__ABOUT THIS EXERCISE__. Within the listing below, show every line that contains the word "IFCMATERIAL".
_ _ _ _ _ _ _
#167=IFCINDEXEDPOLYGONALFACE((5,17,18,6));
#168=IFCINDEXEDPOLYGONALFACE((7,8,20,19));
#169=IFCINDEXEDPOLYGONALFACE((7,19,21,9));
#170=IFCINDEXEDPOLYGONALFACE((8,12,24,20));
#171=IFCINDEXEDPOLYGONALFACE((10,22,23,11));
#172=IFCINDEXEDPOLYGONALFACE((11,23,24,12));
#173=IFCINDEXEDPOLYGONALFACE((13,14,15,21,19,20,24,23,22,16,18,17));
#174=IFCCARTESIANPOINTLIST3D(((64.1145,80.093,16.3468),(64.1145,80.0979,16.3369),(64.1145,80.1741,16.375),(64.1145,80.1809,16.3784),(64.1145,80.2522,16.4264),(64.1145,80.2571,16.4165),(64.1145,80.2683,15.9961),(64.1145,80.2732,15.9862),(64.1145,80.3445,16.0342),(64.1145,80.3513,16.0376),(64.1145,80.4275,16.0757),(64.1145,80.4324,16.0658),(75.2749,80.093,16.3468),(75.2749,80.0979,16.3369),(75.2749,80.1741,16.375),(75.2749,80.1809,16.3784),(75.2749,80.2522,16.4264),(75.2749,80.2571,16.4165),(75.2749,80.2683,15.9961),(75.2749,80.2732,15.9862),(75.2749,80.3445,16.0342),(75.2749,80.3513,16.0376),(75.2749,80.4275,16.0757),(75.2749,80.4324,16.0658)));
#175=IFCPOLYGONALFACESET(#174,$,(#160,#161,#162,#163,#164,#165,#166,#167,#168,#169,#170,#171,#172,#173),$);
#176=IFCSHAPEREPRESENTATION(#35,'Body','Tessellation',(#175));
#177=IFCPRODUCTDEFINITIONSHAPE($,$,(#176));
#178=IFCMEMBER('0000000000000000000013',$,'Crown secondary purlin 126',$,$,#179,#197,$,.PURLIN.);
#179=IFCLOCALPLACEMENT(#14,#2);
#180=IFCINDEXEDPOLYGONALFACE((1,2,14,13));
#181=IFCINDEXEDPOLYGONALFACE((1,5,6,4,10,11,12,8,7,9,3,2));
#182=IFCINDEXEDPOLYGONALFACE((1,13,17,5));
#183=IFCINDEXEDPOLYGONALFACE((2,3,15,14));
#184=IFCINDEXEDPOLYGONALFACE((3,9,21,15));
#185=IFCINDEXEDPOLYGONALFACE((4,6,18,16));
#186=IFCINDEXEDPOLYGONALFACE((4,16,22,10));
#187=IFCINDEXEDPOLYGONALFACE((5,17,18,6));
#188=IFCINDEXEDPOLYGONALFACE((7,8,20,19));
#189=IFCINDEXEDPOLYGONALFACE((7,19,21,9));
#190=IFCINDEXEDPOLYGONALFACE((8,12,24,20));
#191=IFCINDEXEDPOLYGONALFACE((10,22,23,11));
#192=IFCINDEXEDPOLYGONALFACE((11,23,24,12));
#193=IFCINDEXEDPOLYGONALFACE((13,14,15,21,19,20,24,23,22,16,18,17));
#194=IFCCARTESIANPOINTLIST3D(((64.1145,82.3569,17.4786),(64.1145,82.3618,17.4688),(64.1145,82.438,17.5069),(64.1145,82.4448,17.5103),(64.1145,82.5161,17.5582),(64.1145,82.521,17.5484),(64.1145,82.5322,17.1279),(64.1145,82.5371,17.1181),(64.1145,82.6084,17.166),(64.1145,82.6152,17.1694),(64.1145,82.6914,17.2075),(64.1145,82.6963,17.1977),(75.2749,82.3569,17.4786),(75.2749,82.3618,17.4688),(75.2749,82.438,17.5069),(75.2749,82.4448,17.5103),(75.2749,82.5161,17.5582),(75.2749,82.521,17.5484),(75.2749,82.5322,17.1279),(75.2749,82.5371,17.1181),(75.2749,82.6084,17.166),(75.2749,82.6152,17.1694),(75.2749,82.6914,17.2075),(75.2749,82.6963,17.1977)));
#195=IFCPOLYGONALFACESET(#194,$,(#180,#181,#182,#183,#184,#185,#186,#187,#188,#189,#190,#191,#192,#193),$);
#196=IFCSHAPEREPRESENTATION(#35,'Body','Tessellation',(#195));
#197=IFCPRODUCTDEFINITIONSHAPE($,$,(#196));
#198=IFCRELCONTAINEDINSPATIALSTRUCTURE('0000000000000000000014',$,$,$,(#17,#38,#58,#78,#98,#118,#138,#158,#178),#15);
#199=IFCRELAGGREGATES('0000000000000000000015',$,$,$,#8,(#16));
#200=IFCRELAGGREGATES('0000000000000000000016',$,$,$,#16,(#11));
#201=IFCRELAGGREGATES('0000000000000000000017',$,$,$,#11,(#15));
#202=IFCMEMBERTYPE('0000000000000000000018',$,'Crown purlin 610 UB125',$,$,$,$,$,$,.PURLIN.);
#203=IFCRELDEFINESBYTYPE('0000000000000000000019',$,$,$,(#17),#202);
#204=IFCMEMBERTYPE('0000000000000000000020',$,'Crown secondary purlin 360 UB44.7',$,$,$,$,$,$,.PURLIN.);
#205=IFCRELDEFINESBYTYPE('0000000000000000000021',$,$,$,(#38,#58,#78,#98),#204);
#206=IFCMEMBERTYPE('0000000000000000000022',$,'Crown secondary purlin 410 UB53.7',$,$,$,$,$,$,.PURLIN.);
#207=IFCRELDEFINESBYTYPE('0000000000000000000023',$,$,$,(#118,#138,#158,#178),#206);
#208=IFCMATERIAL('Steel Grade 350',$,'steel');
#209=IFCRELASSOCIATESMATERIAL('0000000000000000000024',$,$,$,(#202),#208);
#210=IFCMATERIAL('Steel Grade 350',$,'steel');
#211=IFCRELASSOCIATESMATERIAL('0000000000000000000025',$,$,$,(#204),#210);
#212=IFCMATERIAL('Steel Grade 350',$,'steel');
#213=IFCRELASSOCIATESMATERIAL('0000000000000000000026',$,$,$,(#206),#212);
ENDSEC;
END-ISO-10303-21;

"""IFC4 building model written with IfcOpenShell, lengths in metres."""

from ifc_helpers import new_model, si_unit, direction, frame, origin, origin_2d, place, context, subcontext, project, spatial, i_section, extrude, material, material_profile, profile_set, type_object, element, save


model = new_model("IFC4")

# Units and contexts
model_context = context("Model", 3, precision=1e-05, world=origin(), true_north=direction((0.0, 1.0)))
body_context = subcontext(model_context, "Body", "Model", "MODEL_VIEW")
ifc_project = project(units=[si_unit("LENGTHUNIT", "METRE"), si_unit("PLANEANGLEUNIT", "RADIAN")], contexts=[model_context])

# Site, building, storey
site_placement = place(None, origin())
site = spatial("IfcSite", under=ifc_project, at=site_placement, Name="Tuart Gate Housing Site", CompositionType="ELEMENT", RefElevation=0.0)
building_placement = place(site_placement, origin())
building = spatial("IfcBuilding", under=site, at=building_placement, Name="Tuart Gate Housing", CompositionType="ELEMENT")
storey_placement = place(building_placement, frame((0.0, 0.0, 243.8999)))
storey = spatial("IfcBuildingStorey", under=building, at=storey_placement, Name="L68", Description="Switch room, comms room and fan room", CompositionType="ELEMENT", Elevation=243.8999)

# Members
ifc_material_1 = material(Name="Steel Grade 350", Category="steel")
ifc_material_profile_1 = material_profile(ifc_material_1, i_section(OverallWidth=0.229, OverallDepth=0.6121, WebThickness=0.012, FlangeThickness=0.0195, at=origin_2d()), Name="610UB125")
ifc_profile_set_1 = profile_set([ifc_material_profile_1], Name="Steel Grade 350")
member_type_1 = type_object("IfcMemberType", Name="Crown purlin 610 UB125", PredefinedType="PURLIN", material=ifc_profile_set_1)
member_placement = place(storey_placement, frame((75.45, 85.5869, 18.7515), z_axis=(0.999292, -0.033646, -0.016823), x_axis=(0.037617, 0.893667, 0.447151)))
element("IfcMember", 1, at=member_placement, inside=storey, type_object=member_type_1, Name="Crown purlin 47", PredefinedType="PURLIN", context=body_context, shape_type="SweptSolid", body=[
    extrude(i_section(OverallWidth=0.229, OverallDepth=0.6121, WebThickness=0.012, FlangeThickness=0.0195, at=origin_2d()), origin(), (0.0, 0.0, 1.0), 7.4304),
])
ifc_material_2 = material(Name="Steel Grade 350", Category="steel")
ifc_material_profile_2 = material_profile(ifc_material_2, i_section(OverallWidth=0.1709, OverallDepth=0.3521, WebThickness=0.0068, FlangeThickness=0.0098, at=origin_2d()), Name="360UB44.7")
_ _ _ _ _ _ _
__EXERCISE SOLUTION__.
#208=IFCMATERIAL('Steel Grade 350',$,'steel');
#210=IFCMATERIAL('Steel Grade 350',$,'steel');
#212=IFCMATERIAL('Steel Grade 350',$,'steel');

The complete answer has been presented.